■ What is required ■
Taking the first line of the listing as the start and the line containing "#173=IFCMATERIAL('Brushed Stainless Steel" as the end, reproduce everything in between exactly, both ends included.

■ Records for this task ■
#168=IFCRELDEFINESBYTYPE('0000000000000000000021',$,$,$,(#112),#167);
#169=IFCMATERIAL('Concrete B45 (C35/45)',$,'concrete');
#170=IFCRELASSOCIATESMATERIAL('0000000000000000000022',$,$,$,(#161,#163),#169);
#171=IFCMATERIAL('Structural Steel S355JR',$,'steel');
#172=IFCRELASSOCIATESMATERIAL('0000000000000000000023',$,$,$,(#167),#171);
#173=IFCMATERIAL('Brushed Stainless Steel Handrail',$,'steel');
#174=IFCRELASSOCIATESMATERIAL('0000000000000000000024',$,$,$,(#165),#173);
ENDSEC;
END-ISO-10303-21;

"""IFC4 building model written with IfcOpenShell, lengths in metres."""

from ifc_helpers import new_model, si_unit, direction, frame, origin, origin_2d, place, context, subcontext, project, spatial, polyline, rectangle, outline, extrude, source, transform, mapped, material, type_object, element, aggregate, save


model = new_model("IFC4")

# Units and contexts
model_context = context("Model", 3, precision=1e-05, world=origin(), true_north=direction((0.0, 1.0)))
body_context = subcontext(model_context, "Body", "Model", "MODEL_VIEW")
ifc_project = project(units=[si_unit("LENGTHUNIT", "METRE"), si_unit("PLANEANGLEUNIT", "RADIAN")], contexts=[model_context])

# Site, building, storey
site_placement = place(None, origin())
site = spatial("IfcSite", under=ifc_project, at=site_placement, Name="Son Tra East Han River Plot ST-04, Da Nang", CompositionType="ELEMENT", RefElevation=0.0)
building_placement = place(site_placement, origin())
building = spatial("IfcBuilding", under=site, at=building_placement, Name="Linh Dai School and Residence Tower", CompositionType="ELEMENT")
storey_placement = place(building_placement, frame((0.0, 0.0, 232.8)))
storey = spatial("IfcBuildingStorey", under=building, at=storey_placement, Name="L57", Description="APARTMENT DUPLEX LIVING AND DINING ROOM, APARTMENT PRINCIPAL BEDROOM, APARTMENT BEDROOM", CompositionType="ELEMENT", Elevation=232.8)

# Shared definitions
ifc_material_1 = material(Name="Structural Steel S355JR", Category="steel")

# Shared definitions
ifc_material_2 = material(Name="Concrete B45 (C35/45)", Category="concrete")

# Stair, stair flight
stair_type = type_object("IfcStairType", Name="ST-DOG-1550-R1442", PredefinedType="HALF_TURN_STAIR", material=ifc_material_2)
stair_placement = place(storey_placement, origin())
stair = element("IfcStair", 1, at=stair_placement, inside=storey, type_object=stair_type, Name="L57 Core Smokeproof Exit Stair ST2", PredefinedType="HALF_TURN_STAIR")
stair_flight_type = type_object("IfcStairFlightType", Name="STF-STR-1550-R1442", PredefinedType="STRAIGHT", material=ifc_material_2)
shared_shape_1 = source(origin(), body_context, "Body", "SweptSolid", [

■ Answer for this exercise ■
#168=IFCRELDEFINESBYTYPE('0000000000000000000021',$,$,$,(#112),#167);
#169=IFCMATERIAL('Concrete B45 (C35/45)',$,'concrete');
#170=IFCRELASSOCIATESMATERIAL('0000000000000000000022',$,$,$,(#161,#163),#169);
#171=IFCMATERIAL('Structural Steel S355JR',$,'steel');
#172=IFCRELASSOCIATESMATERIAL('0000000000000000000023',$,$,$,(#167),#171);
#173=IFCMATERIAL('Brushed Stainless Steel Handrail',$,'steel');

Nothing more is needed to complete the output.